** DATA PROVIDED follows **

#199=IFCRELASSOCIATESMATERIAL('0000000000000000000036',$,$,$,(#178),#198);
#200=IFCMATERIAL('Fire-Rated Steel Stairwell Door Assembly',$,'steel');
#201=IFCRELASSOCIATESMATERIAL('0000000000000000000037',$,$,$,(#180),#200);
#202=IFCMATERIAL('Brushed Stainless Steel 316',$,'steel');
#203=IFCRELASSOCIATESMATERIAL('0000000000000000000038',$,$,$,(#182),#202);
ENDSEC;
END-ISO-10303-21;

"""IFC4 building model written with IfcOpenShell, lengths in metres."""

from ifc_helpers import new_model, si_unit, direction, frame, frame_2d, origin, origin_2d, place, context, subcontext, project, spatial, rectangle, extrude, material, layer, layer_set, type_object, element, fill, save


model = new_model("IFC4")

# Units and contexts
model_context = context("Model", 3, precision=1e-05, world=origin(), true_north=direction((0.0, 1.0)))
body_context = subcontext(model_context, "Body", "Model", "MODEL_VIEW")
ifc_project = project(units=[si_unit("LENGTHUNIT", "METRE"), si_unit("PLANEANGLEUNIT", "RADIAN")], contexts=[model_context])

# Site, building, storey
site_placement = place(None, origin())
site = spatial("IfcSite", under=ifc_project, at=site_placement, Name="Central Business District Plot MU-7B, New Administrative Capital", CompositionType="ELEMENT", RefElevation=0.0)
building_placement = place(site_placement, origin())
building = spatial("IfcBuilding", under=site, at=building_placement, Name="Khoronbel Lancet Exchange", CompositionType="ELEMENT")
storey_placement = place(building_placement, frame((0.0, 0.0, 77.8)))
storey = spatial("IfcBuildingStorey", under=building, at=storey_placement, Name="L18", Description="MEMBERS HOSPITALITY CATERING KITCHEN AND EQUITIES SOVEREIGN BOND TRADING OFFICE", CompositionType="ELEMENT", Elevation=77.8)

** End of DATA PROVIDED **

### PROBLEM TO SOLVE
All records above must be printed again, exactly.

### ANSWER FOR THIS EXERCISE
#199=IFCRELASSOCIATESMATERIAL('0000000000000000000036',$,$,$,(#178),#198);
#200=IFCMATERIAL('Fire-Rated Steel Stairwell Door Assembly',$,'steel');
#201=IFCRELASSOCIATESMATERIAL('0000000000000000000037',$,$,$,(#180),#200);
#202=IFCMATERIAL('Brushed Stainless Steel 316',$,'steel');
#203=IFCRELASSOCIATESMATERIAL('0000000000000000000038',$,$,$,(#182),#202);
ENDSEC;
END-ISO-10303-21;

"""IFC4 building model written with IfcOpenShell, lengths in metres."""

from ifc_helpers import new_model, si_unit, direction, frame, frame_2d, origin, origin_2d, place, context, subcontext, project, spatial, rectangle, extrude, material, layer, layer_set, type_object, element, fill, save


model = new_model("IFC4")

# Units and contexts
model_context = context("Model", 3, precision=1e-05, world=origin(), true_north=direction((0.0, 1.0)))
body_context = subcontext(model_context, "Body", "Model", "MODEL_VIEW")
ifc_project = project(units=[si_unit("LENGTHUNIT", "METRE"), si_unit("PLANEANGLEUNIT", "RADIAN")], contexts=[model_context])

# Site, building, storey
site_placement = place(None, origin())
site = spatial("IfcSite", under=ifc_project, at=site_placement, Name="Central Business District Plot MU-7B, New Administrative Capital", CompositionType="ELEMENT", RefElevation=0.0)
building_placement = place(site_placement, origin())
building = spatial("IfcBuilding", under=site, at=building_placement, Name="Khoronbel Lancet Exchange", CompositionType="ELEMENT")
storey_placement = place(building_placement, frame((0.0, 0.0, 77.8)))
storey = spatial("IfcBuildingStorey", under=building, at=storey_placement, Name="L18", Description="MEMBERS HOSPITALITY CATERING KITCHEN AND EQUITIES SOVEREIGN BOND TRADING OFFICE", CompositionType="ELEMENT", Elevation=77.8)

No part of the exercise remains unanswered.